Requirement
What do the lines say from the start of the entries through the one containing "world=origin(), true_north=direction((0.0, 1.0)))"? Repeat them exactly.

Saved entries:
****************************************
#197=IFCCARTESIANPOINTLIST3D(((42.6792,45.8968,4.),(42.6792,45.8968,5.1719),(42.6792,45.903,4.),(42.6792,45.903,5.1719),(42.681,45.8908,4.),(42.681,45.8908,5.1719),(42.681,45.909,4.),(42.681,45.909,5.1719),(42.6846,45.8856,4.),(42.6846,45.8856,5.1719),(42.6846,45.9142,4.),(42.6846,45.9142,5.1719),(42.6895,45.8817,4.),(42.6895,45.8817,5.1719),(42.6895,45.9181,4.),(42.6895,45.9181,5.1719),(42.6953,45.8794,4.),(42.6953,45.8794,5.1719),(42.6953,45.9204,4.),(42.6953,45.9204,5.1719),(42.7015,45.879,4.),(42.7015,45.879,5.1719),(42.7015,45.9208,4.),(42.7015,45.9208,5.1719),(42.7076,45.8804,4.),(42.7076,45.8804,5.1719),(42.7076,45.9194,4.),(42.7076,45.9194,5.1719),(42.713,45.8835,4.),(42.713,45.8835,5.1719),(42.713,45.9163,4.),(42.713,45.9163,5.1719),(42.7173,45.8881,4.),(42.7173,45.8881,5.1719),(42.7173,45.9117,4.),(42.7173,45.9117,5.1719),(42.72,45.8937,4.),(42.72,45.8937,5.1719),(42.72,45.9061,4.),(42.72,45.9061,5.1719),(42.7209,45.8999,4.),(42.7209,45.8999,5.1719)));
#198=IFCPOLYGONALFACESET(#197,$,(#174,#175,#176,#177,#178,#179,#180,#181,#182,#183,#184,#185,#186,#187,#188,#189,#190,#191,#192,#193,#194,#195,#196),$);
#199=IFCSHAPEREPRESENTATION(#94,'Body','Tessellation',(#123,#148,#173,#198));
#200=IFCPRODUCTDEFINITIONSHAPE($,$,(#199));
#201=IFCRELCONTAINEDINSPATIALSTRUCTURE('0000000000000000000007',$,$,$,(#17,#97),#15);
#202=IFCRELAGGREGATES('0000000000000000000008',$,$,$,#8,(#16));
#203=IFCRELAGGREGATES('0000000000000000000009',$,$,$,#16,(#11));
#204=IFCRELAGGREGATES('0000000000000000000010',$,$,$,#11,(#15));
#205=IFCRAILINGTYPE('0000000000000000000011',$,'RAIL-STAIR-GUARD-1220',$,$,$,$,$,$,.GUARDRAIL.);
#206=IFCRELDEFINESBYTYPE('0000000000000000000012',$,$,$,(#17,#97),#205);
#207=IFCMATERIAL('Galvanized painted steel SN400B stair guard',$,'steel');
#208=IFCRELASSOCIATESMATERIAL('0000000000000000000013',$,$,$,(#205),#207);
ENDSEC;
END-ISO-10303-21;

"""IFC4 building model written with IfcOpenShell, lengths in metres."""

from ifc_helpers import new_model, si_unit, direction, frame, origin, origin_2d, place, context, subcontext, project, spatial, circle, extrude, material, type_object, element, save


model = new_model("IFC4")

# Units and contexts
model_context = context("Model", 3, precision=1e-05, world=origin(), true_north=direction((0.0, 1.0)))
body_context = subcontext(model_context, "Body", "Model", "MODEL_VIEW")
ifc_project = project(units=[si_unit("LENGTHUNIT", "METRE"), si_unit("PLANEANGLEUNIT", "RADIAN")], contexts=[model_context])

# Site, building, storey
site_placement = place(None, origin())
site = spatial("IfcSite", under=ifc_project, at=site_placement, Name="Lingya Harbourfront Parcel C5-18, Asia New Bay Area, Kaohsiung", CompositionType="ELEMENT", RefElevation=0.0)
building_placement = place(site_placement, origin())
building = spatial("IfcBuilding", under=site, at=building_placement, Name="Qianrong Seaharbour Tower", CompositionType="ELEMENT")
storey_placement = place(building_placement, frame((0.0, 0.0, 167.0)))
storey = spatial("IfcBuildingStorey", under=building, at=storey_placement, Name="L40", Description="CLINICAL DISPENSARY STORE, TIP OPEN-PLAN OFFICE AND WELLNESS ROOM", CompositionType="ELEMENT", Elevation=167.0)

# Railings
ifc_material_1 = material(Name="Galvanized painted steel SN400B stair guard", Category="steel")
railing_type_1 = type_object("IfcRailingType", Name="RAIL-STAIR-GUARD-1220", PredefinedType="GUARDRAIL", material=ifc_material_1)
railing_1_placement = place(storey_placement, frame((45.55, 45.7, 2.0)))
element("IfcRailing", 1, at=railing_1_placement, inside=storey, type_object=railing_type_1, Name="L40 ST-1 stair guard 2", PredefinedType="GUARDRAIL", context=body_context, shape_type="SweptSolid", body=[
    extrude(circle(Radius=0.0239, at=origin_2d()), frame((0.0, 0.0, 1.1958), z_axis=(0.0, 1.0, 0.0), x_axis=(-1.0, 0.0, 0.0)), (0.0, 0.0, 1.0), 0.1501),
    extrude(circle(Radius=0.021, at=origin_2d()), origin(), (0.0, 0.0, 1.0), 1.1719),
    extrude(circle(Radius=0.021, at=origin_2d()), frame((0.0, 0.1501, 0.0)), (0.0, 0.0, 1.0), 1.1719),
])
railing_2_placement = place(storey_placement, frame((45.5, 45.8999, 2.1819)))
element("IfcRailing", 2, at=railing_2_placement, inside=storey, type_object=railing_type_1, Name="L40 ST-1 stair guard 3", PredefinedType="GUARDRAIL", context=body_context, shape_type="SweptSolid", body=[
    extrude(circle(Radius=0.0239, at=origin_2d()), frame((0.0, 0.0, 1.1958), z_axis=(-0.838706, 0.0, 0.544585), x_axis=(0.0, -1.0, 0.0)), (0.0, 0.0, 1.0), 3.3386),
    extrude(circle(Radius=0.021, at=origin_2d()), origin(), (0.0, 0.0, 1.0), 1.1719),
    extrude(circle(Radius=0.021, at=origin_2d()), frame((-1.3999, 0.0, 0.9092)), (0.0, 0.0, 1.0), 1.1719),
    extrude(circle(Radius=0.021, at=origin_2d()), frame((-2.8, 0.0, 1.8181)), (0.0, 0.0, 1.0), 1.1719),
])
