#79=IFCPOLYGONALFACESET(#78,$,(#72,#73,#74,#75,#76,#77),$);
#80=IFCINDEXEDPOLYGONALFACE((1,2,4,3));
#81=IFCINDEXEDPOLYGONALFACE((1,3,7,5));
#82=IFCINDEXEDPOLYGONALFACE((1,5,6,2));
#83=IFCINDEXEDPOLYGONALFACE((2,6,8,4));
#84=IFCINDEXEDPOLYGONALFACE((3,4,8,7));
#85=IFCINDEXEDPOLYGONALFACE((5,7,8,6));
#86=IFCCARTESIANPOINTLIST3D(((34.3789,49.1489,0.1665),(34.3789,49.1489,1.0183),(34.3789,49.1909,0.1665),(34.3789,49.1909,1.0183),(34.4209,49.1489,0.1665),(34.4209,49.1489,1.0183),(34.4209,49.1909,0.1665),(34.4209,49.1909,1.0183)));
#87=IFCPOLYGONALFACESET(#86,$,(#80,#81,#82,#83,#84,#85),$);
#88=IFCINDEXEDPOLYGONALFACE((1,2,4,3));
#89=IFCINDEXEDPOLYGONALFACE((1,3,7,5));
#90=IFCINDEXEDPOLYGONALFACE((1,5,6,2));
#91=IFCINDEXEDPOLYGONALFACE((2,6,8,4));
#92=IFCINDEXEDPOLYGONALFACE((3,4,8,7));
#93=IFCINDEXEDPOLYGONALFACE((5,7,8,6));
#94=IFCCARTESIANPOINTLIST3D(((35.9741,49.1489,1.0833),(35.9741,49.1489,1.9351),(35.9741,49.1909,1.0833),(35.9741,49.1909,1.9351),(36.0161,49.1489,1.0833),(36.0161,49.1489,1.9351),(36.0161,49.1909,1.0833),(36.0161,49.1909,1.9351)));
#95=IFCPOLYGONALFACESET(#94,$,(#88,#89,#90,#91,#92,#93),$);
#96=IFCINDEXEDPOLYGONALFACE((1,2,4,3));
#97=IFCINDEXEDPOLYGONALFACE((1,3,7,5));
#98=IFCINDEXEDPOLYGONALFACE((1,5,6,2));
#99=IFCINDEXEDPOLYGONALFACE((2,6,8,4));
****************************************
Result for this task
#197=IFCCARTESIANPOINTLIST3D(((42.6792,45.8968,4.),(42.6792,45.8968,5.1719),(42.6792,45.903,4.),(42.6792,45.903,5.1719),(42.681,45.8908,4.),(42.681,45.8908,5.1719),(42.681,45.909,4.),(42.681,45.909,5.1719),(42.6846,45.8856,4.),(42.6846,45.8856,5.1719),(42.6846,45.9142,4.),(42.6846,45.9142,5.1719),(42.6895,45.8817,4.),(42.6895,45.8817,5.1719),(42.6895,45.9181,4.),(42.6895,45.9181,5.1719),(42.6953,45.8794,4.),(42.6953,45.8794,5.1719),(42.6953,45.9204,4.),(42.6953,45.9204,5.1719),(42.7015,45.879,4.),(42.7015,45.879,5.1719),(42.7015,45.9208,4.),(42.7015,45.9208,5.1719),(42.7076,45.8804,4.),(42.7076,45.8804,5.1719),(42.7076,45.9194,4.),(42.7076,45.9194,5.1719),(42.713,45.8835,4.),(42.713,45.8835,5.1719),(42.713,45.9163,4.),(42.713,45.9163,5.1719),(42.7173,45.8881,4.),(42.7173,45.8881,5.1719),(42.7173,45.9117,4.),(42.7173,45.9117,5.1719),(42.72,45.8937,4.),(42.72,45.8937,5.1719),(42.72,45.9061,4.),(42.72,45.9061,5.1719),(42.7209,45.8999,4.),(42.7209,45.8999,5.1719)));
#198=IFCPOLYGONALFACESET(#197,$,(#174,#175,#176,#177,#178,#179,#180,#181,#182,#183,#184,#185,#186,#187,#188,#189,#190,#191,#192,#193,#194,#195,#196),$);
#199=IFCSHAPEREPRESENTATION(#94,'Body','Tessellation',(#123,#148,#173,#198));
#200=IFCPRODUCTDEFINITIONSHAPE($,$,(#199));
#201=IFCRELCONTAINEDINSPATIALSTRUCTURE('0000000000000000000007',$,$,$,(#17,#97),#15);
#202=IFCRELAGGREGATES('0000000000000000000008',$,$,$,#8,(#16));
#203=IFCRELAGGREGATES('0000000000000000000009',$,$,$,#16,(#11));
#204=IFCRELAGGREGATES('0000000000000000000010',$,$,$,#11,(#15));
#205=IFCRAILINGTYPE('0000000000000000000011',$,'RAIL-STAIR-GUARD-1220',$,$,$,$,$,$,.GUARDRAIL.);
#206=IFCRELDEFINESBYTYPE('0000000000000000000012',$,$,$,(#17,#97),#205);
#207=IFCMATERIAL('Galvanized painted steel SN400B stair guard',$,'steel');
#208=IFCRELASSOCIATESMATERIAL('0000000000000000000013',$,$,$,(#205),#207);
ENDSEC;
END-ISO-10303-21;

"""IFC4 building model written with IfcOpenShell, lengths in metres."""

from ifc_helpers import new_model, si_unit, direction, frame, origin, origin_2d, place, context, subcontext, project, spatial, circle, extrude, material, type_object, element, save


model = new_model("IFC4")

# Units and contexts
model_context = context("Model", 3, precision=1e-05, world=origin(), true_north=direction((0.0, 1.0)))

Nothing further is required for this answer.